- _What you should do_
Lines to return, exactly: from the line with "#14=IFCLOCALPLACEMENT(#10,#13);" to the line with "#32=IFCINDEXEDPOLYGONALFACE((21,23,24,22));" in the entries below, both included.

- _Input material_
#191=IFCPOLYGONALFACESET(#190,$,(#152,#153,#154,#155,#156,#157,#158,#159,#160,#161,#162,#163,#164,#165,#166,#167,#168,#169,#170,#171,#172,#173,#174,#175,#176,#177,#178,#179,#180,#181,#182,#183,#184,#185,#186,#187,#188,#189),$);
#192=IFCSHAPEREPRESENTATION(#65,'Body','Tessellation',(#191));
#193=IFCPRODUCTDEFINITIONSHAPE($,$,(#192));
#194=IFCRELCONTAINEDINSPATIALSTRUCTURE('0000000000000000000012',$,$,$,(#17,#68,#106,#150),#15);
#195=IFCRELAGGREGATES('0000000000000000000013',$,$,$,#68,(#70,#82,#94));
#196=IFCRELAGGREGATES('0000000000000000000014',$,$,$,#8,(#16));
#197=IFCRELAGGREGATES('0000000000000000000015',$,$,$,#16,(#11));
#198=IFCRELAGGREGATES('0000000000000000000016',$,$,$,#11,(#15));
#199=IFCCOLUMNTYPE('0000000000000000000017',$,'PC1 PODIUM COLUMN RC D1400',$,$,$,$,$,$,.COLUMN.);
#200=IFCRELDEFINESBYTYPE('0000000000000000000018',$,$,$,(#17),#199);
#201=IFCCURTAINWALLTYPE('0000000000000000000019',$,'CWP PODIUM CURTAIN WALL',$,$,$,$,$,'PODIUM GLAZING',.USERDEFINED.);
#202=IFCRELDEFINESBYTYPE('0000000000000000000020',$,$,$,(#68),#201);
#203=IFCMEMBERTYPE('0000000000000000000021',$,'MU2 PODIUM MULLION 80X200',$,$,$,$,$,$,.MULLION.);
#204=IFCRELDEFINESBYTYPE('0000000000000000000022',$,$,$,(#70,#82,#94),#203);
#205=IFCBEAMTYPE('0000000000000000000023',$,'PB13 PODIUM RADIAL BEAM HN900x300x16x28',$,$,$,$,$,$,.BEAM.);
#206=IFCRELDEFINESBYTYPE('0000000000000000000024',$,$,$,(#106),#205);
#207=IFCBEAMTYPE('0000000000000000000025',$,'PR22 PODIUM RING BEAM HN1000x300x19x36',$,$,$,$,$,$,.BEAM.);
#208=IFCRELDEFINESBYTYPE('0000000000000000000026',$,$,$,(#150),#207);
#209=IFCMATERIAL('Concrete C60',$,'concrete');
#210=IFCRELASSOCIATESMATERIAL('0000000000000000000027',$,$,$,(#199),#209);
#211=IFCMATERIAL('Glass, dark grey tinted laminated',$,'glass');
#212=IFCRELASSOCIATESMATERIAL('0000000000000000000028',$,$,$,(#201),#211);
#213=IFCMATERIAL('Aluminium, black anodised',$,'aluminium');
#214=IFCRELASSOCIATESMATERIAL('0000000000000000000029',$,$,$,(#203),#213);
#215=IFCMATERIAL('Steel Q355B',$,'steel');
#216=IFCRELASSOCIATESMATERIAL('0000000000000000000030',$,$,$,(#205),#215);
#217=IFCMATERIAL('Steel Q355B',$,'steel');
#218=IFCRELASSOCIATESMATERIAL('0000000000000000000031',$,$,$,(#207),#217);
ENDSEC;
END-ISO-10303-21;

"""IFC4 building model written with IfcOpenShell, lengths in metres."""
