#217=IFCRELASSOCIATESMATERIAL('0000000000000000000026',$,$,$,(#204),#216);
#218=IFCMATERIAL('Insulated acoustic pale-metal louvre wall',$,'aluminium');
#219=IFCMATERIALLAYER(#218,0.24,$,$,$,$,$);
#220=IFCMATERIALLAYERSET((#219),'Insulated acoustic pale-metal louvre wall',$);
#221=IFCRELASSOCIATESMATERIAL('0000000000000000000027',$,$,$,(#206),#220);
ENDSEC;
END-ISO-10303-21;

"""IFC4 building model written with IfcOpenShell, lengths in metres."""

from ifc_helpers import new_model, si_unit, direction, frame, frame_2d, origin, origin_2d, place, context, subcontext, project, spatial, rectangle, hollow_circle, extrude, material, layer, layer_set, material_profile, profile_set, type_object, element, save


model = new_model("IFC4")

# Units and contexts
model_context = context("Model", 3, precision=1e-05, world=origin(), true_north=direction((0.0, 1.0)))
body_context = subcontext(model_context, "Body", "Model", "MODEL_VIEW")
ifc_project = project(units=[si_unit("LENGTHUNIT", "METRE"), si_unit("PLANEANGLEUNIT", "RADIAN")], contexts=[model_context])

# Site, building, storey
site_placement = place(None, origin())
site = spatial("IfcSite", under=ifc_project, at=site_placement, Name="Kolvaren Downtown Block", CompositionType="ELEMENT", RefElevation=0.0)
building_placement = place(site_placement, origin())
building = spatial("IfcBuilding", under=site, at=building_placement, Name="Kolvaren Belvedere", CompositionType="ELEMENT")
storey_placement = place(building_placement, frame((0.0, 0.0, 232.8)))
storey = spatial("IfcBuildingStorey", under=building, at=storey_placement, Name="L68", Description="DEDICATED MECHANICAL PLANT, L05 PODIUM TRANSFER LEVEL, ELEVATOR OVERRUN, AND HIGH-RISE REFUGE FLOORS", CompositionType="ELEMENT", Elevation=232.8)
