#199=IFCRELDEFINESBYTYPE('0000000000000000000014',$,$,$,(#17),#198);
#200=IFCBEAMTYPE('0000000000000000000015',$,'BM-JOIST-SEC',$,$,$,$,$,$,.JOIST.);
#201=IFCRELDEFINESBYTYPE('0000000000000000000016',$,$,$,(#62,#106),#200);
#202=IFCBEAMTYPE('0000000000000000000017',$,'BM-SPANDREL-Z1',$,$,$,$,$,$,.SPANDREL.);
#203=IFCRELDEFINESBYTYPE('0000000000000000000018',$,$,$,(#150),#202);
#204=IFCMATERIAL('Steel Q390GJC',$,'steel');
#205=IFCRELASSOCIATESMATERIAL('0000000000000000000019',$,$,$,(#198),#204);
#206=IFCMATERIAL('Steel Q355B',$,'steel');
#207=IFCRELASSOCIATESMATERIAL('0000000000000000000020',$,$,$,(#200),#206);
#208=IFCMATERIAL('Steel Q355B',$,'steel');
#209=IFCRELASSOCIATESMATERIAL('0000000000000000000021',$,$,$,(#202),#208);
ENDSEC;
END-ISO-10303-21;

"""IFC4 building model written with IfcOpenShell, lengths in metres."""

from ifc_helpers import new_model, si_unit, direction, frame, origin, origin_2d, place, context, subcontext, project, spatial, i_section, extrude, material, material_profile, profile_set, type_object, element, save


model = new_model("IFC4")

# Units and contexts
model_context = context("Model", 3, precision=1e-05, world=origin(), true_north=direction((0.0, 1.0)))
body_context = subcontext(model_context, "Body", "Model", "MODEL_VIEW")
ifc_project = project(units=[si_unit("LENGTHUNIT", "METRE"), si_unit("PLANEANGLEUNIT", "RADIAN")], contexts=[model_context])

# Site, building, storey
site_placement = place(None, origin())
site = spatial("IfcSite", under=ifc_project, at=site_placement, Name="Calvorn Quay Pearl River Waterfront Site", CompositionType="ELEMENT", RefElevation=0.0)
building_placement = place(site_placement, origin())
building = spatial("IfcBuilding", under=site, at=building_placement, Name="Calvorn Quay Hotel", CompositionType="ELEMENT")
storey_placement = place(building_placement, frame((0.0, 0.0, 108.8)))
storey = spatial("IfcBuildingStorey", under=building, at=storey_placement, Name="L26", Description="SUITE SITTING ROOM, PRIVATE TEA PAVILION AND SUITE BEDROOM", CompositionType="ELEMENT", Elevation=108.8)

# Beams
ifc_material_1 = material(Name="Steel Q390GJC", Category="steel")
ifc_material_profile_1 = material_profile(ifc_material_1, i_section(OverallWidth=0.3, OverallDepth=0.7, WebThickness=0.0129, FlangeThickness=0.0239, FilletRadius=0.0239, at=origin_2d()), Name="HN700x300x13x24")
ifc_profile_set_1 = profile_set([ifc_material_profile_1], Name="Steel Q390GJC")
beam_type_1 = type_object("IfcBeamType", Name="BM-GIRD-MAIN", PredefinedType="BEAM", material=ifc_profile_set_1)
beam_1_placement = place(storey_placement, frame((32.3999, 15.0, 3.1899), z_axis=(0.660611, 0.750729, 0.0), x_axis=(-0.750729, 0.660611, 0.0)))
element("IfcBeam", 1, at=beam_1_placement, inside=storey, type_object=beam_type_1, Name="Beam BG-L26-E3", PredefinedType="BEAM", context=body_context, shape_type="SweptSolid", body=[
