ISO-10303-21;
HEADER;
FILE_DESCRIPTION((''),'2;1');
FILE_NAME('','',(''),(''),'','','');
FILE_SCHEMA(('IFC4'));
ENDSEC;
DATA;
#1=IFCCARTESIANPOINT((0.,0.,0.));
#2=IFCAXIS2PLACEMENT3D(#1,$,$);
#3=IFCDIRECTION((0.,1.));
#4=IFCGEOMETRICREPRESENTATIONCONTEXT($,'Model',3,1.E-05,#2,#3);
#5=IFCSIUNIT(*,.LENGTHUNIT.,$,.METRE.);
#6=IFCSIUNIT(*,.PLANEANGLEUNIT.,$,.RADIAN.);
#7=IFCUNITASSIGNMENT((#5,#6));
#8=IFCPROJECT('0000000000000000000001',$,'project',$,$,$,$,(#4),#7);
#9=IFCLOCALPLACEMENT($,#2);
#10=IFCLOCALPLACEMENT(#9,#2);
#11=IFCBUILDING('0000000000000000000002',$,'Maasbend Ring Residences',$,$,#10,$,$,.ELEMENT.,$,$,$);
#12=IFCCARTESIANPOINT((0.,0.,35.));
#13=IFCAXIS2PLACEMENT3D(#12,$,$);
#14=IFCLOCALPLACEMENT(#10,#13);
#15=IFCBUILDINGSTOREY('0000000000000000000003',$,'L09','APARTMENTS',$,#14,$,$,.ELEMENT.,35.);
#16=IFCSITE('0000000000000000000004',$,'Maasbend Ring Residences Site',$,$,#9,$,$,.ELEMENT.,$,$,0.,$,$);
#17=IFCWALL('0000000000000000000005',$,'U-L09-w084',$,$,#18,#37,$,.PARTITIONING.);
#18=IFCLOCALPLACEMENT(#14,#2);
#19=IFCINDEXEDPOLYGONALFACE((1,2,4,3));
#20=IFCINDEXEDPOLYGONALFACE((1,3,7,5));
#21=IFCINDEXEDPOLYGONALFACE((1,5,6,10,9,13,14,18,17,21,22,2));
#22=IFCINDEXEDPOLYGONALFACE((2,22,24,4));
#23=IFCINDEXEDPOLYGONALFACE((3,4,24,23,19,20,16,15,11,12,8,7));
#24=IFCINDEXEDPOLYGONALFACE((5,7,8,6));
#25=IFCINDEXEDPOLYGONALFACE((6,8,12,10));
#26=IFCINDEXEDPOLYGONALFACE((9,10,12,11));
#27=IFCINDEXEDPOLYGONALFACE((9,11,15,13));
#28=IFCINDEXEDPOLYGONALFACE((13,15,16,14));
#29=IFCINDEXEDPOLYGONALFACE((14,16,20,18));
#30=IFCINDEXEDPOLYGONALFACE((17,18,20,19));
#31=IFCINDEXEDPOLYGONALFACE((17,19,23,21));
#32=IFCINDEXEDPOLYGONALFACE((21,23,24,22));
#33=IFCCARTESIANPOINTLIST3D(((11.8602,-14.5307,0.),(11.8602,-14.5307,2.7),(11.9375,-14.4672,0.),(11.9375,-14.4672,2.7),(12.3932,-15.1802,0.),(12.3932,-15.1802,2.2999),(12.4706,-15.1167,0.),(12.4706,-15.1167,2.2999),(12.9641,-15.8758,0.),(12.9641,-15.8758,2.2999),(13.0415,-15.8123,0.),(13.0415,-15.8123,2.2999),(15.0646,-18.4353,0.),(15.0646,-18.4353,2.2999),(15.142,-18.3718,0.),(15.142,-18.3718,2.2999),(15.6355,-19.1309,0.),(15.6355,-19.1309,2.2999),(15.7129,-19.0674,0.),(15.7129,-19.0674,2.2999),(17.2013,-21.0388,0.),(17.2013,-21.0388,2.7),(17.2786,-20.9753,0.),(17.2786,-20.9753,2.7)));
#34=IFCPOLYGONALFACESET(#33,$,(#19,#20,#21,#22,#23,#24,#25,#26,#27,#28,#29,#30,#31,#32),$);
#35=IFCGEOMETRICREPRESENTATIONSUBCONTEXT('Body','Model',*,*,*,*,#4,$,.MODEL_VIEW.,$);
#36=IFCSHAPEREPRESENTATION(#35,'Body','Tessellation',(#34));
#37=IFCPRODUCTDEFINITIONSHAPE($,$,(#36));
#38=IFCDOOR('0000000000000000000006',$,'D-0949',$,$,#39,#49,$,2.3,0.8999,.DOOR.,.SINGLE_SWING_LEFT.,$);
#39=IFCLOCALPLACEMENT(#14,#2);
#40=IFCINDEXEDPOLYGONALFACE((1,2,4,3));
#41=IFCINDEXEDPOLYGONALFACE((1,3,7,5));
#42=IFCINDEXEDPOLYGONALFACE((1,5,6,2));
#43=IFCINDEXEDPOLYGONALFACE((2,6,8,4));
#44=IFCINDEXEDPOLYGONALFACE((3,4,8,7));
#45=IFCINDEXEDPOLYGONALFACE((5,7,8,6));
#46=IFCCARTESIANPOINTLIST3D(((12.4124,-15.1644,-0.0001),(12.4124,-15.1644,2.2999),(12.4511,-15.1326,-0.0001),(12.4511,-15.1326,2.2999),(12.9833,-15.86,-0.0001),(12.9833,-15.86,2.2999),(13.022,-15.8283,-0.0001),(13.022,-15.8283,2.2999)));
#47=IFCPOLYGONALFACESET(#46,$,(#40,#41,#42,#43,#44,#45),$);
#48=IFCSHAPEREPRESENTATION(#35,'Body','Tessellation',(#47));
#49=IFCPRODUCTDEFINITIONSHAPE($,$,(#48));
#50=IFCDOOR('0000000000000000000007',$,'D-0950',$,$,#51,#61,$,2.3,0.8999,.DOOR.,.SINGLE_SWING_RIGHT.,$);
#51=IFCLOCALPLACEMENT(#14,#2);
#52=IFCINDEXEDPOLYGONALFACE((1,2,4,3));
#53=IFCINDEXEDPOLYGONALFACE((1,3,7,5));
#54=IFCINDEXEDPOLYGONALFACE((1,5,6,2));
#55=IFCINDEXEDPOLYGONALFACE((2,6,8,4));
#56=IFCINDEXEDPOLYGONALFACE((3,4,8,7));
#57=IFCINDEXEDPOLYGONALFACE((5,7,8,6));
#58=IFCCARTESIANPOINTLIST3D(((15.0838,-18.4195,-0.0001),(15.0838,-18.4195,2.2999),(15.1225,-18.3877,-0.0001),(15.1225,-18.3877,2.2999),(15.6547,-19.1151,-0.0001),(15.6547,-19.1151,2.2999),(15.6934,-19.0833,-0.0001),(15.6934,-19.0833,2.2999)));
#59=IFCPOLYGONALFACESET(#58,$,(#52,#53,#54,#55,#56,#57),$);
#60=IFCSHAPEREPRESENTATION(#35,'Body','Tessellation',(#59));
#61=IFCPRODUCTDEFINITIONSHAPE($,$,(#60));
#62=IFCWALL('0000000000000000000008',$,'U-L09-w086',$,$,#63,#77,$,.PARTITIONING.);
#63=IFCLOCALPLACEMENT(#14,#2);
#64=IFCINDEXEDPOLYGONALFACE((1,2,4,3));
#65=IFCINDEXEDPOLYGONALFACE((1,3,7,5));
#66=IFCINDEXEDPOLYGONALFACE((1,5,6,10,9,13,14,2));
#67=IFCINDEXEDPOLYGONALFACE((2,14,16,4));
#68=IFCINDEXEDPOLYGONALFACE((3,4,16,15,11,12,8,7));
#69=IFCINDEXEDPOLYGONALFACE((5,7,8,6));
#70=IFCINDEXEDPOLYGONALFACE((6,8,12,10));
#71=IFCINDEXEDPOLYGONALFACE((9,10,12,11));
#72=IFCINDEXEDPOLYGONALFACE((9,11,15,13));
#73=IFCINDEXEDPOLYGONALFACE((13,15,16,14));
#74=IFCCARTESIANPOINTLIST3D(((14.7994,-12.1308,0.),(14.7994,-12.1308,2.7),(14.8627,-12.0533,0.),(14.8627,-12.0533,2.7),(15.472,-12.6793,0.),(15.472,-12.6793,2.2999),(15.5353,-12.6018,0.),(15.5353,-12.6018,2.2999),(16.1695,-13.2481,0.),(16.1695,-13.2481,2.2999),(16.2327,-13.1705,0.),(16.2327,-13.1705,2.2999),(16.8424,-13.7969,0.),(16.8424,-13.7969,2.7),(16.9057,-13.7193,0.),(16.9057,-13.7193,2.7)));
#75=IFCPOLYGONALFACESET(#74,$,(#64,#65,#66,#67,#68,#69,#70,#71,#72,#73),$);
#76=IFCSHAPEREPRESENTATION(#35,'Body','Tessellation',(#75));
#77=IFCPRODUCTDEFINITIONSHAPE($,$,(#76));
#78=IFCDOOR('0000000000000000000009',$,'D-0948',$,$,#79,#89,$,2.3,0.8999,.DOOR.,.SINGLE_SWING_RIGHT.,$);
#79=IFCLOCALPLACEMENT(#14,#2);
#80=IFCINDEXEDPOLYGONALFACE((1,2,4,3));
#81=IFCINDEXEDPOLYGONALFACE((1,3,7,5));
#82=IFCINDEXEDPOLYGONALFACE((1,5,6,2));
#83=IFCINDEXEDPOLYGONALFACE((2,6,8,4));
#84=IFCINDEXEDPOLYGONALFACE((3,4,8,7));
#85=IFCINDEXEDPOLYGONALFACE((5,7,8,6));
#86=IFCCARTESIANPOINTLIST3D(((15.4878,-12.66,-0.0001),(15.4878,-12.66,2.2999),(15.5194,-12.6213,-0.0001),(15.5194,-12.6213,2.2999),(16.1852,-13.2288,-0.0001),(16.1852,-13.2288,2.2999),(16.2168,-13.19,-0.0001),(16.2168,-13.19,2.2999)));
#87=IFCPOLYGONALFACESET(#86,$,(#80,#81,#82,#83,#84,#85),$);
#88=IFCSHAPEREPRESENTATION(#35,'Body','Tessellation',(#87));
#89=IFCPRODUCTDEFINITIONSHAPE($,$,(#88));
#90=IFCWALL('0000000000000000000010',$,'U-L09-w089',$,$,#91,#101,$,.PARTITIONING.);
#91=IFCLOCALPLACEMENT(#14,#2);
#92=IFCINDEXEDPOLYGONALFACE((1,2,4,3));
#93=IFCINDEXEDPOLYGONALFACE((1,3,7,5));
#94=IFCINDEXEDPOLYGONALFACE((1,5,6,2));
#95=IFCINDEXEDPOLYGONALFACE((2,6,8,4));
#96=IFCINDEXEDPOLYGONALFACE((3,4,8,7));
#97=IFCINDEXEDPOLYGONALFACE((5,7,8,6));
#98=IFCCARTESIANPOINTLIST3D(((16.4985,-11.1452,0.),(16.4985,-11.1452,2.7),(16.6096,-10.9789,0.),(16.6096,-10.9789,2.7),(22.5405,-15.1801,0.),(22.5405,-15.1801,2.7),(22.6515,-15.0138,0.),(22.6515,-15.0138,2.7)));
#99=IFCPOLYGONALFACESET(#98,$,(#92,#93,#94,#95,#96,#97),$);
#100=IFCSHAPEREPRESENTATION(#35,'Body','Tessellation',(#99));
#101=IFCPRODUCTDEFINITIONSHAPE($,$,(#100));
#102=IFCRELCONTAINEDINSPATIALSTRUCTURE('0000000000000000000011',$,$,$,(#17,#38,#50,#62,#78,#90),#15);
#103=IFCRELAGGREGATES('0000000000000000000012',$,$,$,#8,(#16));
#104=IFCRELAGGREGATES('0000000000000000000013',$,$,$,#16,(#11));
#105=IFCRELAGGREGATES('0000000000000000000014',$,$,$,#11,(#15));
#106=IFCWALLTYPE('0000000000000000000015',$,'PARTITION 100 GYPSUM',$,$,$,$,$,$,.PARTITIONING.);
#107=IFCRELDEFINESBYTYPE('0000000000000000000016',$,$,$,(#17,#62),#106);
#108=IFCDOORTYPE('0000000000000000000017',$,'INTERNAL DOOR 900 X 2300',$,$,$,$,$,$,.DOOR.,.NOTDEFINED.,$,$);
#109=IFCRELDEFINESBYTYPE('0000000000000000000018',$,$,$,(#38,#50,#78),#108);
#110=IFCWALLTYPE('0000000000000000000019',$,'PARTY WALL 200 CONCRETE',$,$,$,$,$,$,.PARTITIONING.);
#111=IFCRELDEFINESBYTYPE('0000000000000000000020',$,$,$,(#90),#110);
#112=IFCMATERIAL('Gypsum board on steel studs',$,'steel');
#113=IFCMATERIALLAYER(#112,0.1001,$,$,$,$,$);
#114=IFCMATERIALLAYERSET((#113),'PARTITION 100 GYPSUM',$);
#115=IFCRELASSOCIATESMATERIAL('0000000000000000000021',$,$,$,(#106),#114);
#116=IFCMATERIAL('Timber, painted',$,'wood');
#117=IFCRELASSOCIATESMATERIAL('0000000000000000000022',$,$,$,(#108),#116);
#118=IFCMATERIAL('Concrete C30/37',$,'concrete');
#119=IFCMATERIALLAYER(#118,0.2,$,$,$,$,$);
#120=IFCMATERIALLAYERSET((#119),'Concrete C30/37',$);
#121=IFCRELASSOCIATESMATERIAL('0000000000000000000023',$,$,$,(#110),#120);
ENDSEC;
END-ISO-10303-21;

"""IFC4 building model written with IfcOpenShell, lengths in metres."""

from ifc_helpers import new_model, si_unit, direction, frame, frame_2d, origin, place, context, subcontext, project, spatial, rectangle, extrude, material, layer, layer_set, type_object, element, fill, save


model = new_model("IFC4")

# Units and contexts
model_context = context("Model", 3, precision=1e-05, world=origin(), true_north=direction((0.0, 1.0)))
body_context = subcontext(model_context, "Body", "Model", "MODEL_VIEW")
ifc_project = project(units=[si_unit("LENGTHUNIT", "METRE"), si_unit("PLANEANGLEUNIT", "RADIAN")], contexts=[model_context])

# Site, building, storey
site_placement = place(None, origin())
site = spatial("IfcSite", under=ifc_project, at=site_placement, Name="Maasbend Ring Residences Site", CompositionType="ELEMENT", RefElevation=0.0)
building_placement = place(site_placement, origin())
building = spatial("IfcBuilding", under=site, at=building_placement, Name="Maasbend Ring Residences", CompositionType="ELEMENT")
storey_placement = place(building_placement, frame((0.0, 0.0, 35.0)))
storey = spatial("IfcBuildingStorey", under=building, at=storey_placement, Name="L09", Description="APARTMENTS", CompositionType="ELEMENT", Elevation=35.0)

# Shared definitions
ifc_material_1 = material(Name="Gypsum board on steel studs", Category="steel")
ifc_layer_1 = layer(ifc_material_1, 0.1001)
ifc_layer_set_1 = layer_set([ifc_layer_1], Name="PARTITION 100 GYPSUM")
wall_type_1 = type_object("IfcWallType", Name="PARTITION 100 GYPSUM", PredefinedType="PARTITIONING", material=ifc_layer_set_1)

# Wall, openings, doors
wall_1_placement = place(storey_placement, frame((11.8989, -14.499, 0.0), z_axis=(0.0, 0.0, 1.0), x_axis=(0.634396, -0.773008, 0.0)))
wall_1 = element("IfcWall", 1, at=wall_1_placement, inside=storey, type_object=wall_type_1, Name="U-L09-w084", PredefinedType="PARTITIONING", context=body_context, shape_type="SweptSolid", body=[
    extrude(rectangle(XDim=8.4192, YDim=0.1001, at=frame_2d((4.2095, 0.0))), origin(), (0.0, 0.0, 1.0), 2.7),
])
opening_1_placement = place(wall_1_placement, frame((0.8401, 0.0, 0.0)))
opening_1 = element("IfcOpeningElement", 2, at=opening_1_placement, cuts=wall_1, PredefinedType="OPENING", context=body_context, shape_type="SweptSolid", body=[
    extrude(rectangle(XDim=0.8999, YDim=2.3, at=frame_2d((0.45, 1.1499))), frame((0.0, 0.0601, 0.0), z_axis=(0.0, -1.0, 0.0), x_axis=(1.0, 0.0, 0.0)), (0.0, 0.0, 1.0), 0.1201),
])
opening_2_placement = place(wall_1_placement, frame((5.051, 0.0, 0.0)))
opening_2 = element("IfcOpeningElement", 3, at=opening_2_placement, cuts=wall_1, PredefinedType="OPENING", context=body_context, shape_type="SweptSolid", body=[
    extrude(rectangle(XDim=0.8999, YDim=2.3, at=frame_2d((0.45, 1.1499))), frame((0.0, 0.0601, 0.0), z_axis=(0.0, -1.0, 0.0), x_axis=(1.0, 0.0, 0.0)), (0.0, 0.0, 1.0), 0.1201),
])
ifc_material_2 = material(Name="Timber, painted", Category="wood")
door_type_1 = type_object("IfcDoorType", Name="INTERNAL DOOR 900 X 2300", OperationType="NOTDEFINED", PredefinedType="DOOR", material=ifc_material_2)
door_1_placement = place(opening_1_placement, origin())
door_1 = element("IfcDoor", 4, at=door_1_placement, inside=storey, type_object=door_type_1, Name="D-0949", OperationType="SINGLE_SWING_LEFT", OverallHeight=2.3, OverallWidth=0.8999, PredefinedType="DOOR", context=body_context, shape_type="SweptSolid", body=[
    extrude(rectangle(XDim=0.8999, YDim=2.3, at=frame_2d((0.45, 1.1499))), frame((0.0, 0.0249, 0.0), z_axis=(0.0, -1.0, 0.0), x_axis=(1.0, 0.0, 0.0)), (0.0, 0.0, 1.0), 0.05),
])
fill(opening_1, door_1)
door_2_placement = place(opening_2_placement, origin())
door_2 = element("IfcDoor", 5, at=door_2_placement, inside=storey, type_object=door_type_1, Name="D-0950", OperationType="SINGLE_SWING_RIGHT", OverallHeight=2.3, OverallWidth=0.8999, PredefinedType="DOOR", context=body_context, shape_type="SweptSolid", body=[
    extrude(rectangle(XDim=0.8999, YDim=2.3, at=frame_2d((0.45, 1.1499))), frame((0.0, 0.0249, 0.0), z_axis=(0.0, -1.0, 0.0), x_axis=(1.0, 0.0, 0.0)), (0.0, 0.0, 1.0), 0.05),
])
fill(opening_2, door_2)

- _Answer to this exercise_
#14=IFCLOCALPLACEMENT(#10,#13);
#15=IFCBUILDINGSTOREY('0000000000000000000003',$,'L09','APARTMENTS',$,#14,$,$,.ELEMENT.,35.);
#16=IFCSITE('0000000000000000000004',$,'Maasbend Ring Residences Site',$,$,#9,$,$,.ELEMENT.,$,$,0.,$,$);
#17=IFCWALL('0000000000000000000005',$,'U-L09-w084',$,$,#18,#37,$,.PARTITIONING.);
#18=IFCLOCALPLACEMENT(#14,#2);
#19=IFCINDEXEDPOLYGONALFACE((1,2,4,3));
#20=IFCINDEXEDPOLYGONALFACE((1,3,7,5));
#21=IFCINDEXEDPOLYGONALFACE((1,5,6,10,9,13,14,18,17,21,22,2));
#22=IFCINDEXEDPOLYGONALFACE((2,22,24,4));
#23=IFCINDEXEDPOLYGONALFACE((3,4,24,23,19,20,16,15,11,12,8,7));
#24=IFCINDEXEDPOLYGONALFACE((5,7,8,6));
#25=IFCINDEXEDPOLYGONALFACE((6,8,12,10));
#26=IFCINDEXEDPOLYGONALFACE((9,10,12,11));
#27=IFCINDEXEDPOLYGONALFACE((9,11,15,13));
#28=IFCINDEXEDPOLYGONALFACE((13,15,16,14));
#29=IFCINDEXEDPOLYGONALFACE((14,16,20,18));
#30=IFCINDEXEDPOLYGONALFACE((17,18,20,19));
#31=IFCINDEXEDPOLYGONALFACE((17,19,23,21));
#32=IFCINDEXEDPOLYGONALFACE((21,23,24,22));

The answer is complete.